- [WHAT YOU NEED TO DO] Everything from the line with "#26=IFCINDEXEDPOLYGONALFACE((9,11,15,13));" through the last line of the records below should be copied exactly, both ends included.

- [DATASET EXTRACT]

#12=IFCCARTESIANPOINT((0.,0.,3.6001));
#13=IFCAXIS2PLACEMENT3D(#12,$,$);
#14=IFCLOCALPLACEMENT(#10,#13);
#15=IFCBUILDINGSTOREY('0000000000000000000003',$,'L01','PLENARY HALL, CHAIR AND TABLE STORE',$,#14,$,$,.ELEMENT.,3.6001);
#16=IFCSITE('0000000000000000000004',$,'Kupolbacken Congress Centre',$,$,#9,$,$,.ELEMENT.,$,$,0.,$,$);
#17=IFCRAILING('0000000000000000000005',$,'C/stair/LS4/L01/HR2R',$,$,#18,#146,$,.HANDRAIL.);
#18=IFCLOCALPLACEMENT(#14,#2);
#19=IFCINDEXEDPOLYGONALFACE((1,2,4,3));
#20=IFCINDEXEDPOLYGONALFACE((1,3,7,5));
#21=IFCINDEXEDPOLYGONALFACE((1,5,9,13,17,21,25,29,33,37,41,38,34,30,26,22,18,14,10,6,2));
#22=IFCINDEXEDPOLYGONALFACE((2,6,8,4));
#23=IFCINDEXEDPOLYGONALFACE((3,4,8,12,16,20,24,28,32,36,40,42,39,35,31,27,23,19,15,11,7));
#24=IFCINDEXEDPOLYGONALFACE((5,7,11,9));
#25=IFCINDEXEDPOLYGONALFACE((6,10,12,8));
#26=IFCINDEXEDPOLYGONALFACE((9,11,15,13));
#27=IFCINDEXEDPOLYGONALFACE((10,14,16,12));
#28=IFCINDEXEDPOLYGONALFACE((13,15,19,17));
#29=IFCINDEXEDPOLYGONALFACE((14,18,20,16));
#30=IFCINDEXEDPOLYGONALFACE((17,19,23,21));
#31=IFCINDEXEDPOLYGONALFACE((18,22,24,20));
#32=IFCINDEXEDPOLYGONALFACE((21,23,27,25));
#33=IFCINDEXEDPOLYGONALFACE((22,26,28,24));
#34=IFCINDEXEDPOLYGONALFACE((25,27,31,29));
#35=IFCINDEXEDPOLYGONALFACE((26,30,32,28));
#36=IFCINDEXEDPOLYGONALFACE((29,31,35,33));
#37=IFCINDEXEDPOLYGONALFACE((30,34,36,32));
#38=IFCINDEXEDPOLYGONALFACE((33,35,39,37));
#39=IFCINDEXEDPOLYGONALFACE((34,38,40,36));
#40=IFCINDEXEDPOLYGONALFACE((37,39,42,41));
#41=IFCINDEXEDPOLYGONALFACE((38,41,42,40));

- [RESPONSE TO THIS TASK]
#26=IFCINDEXEDPOLYGONALFACE((9,11,15,13));
#27=IFCINDEXEDPOLYGONALFACE((10,14,16,12));
#28=IFCINDEXEDPOLYGONALFACE((13,15,19,17));
#29=IFCINDEXEDPOLYGONALFACE((14,18,20,16));
#30=IFCINDEXEDPOLYGONALFACE((17,19,23,21));
#31=IFCINDEXEDPOLYGONALFACE((18,22,24,20));
#32=IFCINDEXEDPOLYGONALFACE((21,23,27,25));
#33=IFCINDEXEDPOLYGONALFACE((22,26,28,24));
#34=IFCINDEXEDPOLYGONALFACE((25,27,31,29));
#35=IFCINDEXEDPOLYGONALFACE((26,30,32,28));
#36=IFCINDEXEDPOLYGONALFACE((29,31,35,33));
#37=IFCINDEXEDPOLYGONALFACE((30,34,36,32));
#38=IFCINDEXEDPOLYGONALFACE((33,35,39,37));
#39=IFCINDEXEDPOLYGONALFACE((34,38,40,36));
#40=IFCINDEXEDPOLYGONALFACE((37,39,42,41));
#41=IFCINDEXEDPOLYGONALFACE((38,41,42,40));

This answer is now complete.